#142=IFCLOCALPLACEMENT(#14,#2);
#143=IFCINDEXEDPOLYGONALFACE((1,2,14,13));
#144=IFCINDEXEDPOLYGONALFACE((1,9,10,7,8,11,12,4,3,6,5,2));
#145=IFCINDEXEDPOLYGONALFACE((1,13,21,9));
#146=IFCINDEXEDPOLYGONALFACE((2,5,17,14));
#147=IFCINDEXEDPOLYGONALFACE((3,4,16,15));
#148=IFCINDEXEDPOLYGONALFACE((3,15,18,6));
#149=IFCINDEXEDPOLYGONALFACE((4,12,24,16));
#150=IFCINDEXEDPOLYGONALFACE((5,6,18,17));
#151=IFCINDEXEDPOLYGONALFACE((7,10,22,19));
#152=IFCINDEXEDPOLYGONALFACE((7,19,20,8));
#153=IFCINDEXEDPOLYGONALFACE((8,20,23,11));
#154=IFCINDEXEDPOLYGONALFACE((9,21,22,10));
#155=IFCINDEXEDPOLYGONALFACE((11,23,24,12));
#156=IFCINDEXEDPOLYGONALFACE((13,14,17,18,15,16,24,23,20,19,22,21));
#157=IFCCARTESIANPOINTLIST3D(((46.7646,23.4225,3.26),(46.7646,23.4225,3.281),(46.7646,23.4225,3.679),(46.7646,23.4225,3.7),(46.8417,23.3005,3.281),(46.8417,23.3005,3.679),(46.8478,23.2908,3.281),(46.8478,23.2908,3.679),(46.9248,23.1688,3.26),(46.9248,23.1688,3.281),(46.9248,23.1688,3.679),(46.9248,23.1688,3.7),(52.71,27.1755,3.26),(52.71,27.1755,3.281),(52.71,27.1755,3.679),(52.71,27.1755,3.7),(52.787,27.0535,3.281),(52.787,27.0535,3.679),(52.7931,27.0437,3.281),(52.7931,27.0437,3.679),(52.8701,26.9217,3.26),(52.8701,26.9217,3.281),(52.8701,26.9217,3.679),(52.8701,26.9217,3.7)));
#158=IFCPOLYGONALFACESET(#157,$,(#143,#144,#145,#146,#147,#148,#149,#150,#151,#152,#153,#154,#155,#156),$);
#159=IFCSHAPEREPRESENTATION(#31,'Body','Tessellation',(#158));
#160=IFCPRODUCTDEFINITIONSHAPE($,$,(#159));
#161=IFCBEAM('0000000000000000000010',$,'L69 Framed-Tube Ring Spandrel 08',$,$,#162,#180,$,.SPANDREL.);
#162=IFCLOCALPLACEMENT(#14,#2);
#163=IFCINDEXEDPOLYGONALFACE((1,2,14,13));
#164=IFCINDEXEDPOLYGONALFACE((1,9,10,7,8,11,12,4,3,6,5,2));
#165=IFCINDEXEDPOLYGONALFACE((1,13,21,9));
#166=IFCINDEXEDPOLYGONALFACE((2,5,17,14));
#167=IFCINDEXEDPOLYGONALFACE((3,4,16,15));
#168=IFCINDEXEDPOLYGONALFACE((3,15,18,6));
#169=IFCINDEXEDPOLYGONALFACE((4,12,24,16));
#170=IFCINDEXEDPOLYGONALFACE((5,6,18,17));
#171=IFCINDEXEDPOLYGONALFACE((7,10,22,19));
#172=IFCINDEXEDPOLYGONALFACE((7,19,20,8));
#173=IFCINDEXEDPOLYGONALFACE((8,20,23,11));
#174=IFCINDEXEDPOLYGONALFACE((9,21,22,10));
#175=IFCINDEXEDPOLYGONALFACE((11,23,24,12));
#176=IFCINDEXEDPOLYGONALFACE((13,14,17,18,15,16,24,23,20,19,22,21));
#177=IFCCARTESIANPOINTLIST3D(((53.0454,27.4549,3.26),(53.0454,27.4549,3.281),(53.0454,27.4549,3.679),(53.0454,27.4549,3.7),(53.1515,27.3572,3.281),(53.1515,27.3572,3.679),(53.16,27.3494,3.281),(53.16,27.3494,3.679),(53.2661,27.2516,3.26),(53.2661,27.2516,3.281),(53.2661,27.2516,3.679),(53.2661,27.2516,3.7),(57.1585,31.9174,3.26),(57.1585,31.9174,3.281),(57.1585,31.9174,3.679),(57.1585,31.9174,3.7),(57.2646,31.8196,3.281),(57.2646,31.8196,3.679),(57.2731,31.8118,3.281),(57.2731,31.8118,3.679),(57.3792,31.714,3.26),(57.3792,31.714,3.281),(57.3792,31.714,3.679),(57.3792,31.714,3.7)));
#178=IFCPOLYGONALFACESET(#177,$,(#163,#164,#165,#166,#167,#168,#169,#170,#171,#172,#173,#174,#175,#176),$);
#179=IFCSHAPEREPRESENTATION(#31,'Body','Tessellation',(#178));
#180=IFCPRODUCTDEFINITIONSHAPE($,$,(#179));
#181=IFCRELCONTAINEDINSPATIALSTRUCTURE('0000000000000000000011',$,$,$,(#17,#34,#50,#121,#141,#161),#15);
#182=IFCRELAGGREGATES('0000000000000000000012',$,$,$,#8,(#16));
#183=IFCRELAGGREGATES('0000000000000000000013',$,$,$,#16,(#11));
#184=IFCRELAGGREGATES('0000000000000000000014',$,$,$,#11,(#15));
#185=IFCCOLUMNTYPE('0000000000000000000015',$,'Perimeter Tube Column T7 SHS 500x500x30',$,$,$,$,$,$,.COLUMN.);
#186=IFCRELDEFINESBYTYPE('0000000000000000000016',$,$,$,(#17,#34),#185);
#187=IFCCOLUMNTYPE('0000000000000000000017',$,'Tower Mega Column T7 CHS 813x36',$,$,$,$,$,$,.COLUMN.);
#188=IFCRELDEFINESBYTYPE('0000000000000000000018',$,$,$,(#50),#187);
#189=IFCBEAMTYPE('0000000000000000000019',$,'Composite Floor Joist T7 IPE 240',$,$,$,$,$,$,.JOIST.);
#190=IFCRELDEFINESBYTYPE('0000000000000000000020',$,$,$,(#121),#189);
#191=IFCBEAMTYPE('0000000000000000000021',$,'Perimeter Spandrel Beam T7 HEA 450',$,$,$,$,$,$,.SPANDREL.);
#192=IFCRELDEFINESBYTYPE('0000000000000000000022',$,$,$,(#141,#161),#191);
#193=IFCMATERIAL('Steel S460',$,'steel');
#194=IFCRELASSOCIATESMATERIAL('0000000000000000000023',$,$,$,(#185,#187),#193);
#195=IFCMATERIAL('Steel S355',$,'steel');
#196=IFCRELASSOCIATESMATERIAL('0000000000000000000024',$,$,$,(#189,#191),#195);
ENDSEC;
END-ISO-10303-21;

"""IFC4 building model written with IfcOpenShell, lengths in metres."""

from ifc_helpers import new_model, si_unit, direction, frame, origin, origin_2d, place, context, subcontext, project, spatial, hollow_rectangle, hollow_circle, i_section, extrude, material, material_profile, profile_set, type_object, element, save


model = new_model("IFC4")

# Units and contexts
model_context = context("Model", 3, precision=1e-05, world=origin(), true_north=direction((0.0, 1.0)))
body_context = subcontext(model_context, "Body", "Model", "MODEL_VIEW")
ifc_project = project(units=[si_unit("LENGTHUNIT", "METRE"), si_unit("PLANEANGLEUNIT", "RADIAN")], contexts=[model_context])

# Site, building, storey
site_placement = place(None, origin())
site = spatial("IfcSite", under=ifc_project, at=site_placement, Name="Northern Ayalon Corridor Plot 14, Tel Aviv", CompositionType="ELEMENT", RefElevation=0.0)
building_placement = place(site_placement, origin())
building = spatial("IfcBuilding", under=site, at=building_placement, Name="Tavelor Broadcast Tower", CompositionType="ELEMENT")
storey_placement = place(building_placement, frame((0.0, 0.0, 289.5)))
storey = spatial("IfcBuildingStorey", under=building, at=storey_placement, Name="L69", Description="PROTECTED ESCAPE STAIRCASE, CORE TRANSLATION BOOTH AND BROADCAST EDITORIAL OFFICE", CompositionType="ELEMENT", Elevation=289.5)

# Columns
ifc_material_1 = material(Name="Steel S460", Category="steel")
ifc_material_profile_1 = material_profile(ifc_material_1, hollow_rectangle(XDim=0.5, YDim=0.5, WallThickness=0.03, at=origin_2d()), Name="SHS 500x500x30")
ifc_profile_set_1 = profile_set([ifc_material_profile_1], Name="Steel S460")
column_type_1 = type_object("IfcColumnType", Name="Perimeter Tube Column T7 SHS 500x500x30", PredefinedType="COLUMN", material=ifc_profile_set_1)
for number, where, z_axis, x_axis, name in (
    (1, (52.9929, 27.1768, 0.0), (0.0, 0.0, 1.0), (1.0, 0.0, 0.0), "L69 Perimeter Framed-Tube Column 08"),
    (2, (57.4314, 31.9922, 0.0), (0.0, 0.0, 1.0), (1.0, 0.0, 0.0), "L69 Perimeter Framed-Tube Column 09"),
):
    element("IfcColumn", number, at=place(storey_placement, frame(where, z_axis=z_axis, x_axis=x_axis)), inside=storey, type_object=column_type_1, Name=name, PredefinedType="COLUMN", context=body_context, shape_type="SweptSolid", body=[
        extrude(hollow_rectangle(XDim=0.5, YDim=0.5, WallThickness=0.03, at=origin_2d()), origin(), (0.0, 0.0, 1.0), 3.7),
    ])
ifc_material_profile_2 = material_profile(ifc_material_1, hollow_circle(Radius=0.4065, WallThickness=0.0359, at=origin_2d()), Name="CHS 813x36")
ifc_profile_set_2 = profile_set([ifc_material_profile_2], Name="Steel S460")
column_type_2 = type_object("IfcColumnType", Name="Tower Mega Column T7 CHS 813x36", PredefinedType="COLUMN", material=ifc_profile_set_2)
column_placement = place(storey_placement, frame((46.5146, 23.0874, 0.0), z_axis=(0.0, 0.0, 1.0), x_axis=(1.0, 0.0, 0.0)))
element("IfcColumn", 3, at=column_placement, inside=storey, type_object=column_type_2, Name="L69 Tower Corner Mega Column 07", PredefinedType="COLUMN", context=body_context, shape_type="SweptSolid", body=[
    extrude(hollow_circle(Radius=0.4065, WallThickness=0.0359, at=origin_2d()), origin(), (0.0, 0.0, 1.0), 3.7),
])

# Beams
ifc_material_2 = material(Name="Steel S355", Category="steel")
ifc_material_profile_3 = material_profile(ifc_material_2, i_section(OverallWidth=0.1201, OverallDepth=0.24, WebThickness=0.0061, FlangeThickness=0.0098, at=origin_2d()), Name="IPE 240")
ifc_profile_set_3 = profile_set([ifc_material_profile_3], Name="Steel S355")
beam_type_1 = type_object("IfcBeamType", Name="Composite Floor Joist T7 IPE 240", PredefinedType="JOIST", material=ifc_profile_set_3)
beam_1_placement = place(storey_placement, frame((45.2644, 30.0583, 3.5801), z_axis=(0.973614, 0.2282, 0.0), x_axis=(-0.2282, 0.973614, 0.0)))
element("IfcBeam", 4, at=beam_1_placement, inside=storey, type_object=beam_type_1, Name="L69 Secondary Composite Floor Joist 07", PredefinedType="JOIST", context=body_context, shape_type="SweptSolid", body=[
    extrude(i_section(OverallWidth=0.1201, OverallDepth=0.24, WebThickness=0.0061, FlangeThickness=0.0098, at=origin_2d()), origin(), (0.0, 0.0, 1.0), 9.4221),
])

-*-

Reply with the number of lines in the material above that contain "JOIST", and nothing more.

* [Solved exercise]
3